[PROVIDED RECORDS Boundary: Start]

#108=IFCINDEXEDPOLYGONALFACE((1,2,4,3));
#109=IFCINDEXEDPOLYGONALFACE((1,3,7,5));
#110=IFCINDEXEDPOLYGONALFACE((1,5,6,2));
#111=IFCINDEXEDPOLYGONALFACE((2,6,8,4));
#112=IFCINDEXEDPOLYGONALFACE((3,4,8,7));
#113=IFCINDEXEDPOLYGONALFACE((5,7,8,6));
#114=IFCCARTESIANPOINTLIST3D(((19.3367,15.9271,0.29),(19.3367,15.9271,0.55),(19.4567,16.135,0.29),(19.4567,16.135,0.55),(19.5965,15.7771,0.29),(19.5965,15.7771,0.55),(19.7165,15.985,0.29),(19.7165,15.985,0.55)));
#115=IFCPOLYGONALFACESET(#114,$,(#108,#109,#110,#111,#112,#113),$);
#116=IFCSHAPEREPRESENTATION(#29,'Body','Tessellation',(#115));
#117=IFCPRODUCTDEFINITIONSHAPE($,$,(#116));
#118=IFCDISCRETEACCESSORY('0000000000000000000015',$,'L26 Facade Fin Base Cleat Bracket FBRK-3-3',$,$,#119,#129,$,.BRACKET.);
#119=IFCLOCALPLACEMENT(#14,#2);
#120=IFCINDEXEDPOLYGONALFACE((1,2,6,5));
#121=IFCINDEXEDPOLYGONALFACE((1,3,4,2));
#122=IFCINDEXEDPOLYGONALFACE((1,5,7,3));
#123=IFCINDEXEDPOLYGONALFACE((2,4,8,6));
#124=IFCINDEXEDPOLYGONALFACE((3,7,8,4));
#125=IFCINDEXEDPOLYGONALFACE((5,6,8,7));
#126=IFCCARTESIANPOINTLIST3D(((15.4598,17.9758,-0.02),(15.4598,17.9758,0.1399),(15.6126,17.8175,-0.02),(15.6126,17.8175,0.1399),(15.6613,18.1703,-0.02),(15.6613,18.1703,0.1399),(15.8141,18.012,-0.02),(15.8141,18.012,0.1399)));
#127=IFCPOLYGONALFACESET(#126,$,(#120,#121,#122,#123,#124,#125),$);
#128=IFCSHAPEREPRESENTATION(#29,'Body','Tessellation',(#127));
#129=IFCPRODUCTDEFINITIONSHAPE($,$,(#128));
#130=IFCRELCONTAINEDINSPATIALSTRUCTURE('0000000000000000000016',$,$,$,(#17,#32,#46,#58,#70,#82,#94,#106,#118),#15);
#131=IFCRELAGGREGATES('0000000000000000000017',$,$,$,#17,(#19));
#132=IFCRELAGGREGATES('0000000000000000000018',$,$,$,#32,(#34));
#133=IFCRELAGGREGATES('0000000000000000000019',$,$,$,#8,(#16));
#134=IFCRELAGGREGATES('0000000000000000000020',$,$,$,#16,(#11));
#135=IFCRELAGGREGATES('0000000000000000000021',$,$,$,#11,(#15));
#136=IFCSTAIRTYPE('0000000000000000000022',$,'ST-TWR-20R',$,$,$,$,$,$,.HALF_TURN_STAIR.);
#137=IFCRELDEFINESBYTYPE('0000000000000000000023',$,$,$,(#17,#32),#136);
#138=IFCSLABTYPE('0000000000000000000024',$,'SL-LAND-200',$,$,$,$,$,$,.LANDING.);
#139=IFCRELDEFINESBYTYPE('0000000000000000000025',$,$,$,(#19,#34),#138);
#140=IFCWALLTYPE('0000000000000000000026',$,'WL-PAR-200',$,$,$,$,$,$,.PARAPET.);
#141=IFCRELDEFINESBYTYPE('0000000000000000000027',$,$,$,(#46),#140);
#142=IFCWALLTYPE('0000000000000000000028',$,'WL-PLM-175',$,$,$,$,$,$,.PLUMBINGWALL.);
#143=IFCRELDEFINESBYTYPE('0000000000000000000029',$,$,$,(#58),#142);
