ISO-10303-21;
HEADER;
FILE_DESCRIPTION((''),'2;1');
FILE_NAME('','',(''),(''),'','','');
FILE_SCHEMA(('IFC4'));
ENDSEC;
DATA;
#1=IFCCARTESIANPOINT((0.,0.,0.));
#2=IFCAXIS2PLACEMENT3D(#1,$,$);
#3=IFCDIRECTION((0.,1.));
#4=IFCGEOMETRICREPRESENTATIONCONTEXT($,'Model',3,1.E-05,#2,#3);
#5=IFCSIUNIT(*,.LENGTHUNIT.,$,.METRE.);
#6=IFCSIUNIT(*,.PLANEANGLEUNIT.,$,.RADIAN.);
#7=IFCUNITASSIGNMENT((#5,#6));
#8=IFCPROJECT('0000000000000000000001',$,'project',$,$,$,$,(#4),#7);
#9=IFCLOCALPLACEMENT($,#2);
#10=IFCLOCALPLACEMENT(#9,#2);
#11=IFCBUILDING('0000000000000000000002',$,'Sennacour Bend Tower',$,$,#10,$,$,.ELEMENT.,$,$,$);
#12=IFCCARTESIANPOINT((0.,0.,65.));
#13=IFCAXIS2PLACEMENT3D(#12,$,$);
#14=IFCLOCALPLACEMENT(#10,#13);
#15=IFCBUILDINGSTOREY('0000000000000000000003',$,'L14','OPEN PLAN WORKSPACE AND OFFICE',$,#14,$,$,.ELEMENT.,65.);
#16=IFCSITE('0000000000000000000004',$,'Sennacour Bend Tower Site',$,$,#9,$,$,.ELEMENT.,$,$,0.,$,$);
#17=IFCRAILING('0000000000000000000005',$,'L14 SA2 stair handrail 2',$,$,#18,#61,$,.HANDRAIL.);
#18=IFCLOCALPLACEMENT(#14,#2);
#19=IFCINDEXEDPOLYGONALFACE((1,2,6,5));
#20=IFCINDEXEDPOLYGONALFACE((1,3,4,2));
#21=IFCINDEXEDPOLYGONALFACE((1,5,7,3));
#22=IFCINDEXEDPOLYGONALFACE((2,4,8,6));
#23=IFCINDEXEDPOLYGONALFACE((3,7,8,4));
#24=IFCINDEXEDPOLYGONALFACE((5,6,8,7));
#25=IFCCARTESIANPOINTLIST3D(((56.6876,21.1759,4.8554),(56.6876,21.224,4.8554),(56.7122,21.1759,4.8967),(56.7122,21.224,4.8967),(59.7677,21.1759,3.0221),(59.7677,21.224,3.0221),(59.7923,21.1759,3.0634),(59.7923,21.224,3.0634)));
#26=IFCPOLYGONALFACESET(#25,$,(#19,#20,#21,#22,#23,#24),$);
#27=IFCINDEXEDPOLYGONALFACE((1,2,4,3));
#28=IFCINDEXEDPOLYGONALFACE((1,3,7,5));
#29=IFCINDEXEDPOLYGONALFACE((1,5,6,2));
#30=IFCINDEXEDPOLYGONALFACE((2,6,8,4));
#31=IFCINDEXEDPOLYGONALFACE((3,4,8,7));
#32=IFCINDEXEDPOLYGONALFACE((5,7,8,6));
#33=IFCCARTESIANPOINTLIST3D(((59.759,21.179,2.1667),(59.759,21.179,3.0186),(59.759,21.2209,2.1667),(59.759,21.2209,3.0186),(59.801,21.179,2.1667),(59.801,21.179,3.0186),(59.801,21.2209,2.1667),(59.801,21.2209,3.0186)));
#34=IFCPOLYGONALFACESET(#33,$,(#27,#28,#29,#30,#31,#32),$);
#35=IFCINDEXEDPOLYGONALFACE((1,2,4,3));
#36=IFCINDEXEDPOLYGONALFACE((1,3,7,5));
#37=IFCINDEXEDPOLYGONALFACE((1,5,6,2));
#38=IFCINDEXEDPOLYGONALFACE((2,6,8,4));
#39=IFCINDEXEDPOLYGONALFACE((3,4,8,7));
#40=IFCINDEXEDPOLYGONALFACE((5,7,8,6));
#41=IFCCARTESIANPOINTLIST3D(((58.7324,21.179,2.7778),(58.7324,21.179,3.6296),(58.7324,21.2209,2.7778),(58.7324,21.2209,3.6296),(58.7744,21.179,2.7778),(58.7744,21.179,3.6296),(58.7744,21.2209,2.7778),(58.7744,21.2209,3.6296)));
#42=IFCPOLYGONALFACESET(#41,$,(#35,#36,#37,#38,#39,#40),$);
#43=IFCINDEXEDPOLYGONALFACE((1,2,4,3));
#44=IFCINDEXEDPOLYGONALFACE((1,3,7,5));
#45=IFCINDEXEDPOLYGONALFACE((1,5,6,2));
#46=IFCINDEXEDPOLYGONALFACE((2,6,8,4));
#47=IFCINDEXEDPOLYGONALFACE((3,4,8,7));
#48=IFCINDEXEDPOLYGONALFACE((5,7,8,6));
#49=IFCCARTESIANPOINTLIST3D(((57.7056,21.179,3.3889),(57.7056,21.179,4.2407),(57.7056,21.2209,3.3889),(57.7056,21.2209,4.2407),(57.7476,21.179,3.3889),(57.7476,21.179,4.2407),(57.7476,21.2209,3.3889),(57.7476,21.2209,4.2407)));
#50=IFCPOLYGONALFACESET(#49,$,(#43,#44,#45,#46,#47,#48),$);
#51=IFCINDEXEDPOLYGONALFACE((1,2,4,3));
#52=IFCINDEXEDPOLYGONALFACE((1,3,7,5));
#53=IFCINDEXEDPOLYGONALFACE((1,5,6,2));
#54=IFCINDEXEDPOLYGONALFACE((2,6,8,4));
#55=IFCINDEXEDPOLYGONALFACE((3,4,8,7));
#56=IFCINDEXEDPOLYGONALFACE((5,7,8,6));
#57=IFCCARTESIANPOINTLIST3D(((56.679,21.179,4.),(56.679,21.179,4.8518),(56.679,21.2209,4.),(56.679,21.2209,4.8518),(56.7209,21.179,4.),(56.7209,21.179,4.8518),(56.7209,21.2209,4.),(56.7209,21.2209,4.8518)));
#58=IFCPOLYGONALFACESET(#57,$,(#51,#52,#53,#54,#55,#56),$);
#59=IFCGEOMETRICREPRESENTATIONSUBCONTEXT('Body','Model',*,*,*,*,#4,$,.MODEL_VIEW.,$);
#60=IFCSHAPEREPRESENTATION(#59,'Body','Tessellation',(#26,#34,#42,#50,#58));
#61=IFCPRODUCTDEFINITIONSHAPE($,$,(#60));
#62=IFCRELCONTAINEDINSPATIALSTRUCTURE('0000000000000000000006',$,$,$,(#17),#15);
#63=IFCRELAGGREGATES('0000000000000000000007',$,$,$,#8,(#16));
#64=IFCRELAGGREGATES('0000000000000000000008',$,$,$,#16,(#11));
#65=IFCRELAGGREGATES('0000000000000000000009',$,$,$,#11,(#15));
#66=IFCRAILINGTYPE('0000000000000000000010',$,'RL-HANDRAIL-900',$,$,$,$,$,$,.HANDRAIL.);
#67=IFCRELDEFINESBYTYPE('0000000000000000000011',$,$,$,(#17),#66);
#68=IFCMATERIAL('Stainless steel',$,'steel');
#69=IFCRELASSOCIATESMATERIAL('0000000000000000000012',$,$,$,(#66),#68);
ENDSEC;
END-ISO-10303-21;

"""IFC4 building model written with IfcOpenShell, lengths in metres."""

from ifc_helpers import new_model, si_unit, direction, frame, origin, origin_2d, place, context, subcontext, project, spatial, rectangle, extrude, material, type_object, element, save


model = new_model("IFC4")

# Units and contexts
model_context = context("Model", 3, precision=1e-05, world=origin(), true_north=direction((0.0, 1.0)))
body_context = subcontext(model_context, "Body", "Model", "MODEL_VIEW")
ifc_project = project(units=[si_unit("LENGTHUNIT", "METRE"), si_unit("PLANEANGLEUNIT", "RADIAN")], contexts=[model_context])

# Site, building, storey
site_placement = place(None, origin())
site = spatial("IfcSite", under=ifc_project, at=site_placement, Name="Sennacour Bend Tower Site", CompositionType="ELEMENT", RefElevation=0.0)
building_placement = place(site_placement, origin())
building = spatial("IfcBuilding", under=site, at=building_placement, Name="Sennacour Bend Tower", CompositionType="ELEMENT")
storey_placement = place(building_placement, frame((0.0, 0.0, 65.0)))
storey = spatial("IfcBuildingStorey", under=building, at=storey_placement, Name="L14", Description="OPEN PLAN WORKSPACE AND OFFICE", CompositionType="ELEMENT", Elevation=65.0)

# Shared definitions
ifc_material_1 = material(Name="Stainless steel", Category="steel")

# Railing
railing_type_1 = type_object("IfcRailingType", Name="RL-HANDRAIL-900", PredefinedType="HANDRAIL", material=ifc_material_1)
railing_1_placement = place(storey_placement, frame((59.78, 21.2, 2.1667)))
element("IfcRailing", 1, at=railing_1_placement, inside=storey, type_object=railing_type_1, Name="L14 SA2 stair handrail 2", PredefinedType="HANDRAIL", context=body_context, shape_type="SweptSolid", body=[
    extrude(rectangle(XDim=0.0481, YDim=0.0481, at=origin_2d()), frame((0.0, 0.0, 0.876), z_axis=(-0.859309, 0.0, 0.511458), x_axis=(0.0, -1.0, 0.0)), (0.0, 0.0, 1.0), 3.5845),
    extrude(rectangle(XDim=0.042, YDim=0.042, at=origin_2d()), origin(), (0.0, 0.0, 1.0), 0.8518),
    extrude(rectangle(XDim=0.042, YDim=0.042, at=origin_2d()), frame((-1.0266, 0.0, 0.6111)), (0.0, 0.0, 1.0), 0.8518),
    extrude(rectangle(XDim=0.042, YDim=0.042, at=origin_2d()), frame((-2.0535, 0.0, 1.2222)), (0.0, 0.0, 1.0), 0.8518),
    extrude(rectangle(XDim=0.042, YDim=0.042, at=origin_2d()), frame((-3.0801, 0.0, 1.8333)), (0.0, 0.0, 1.0), 0.8518),
])

save(model, "model.ifc")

[PROVIDED RECORDS Boundary: End]

TASK TO CARRY OUT. Looking at the records, state how many lines contain "IFCRELCONTAINEDINSPATIALSTRUCTURE" and write nothing besides that number.

TASK OUTPUT. 2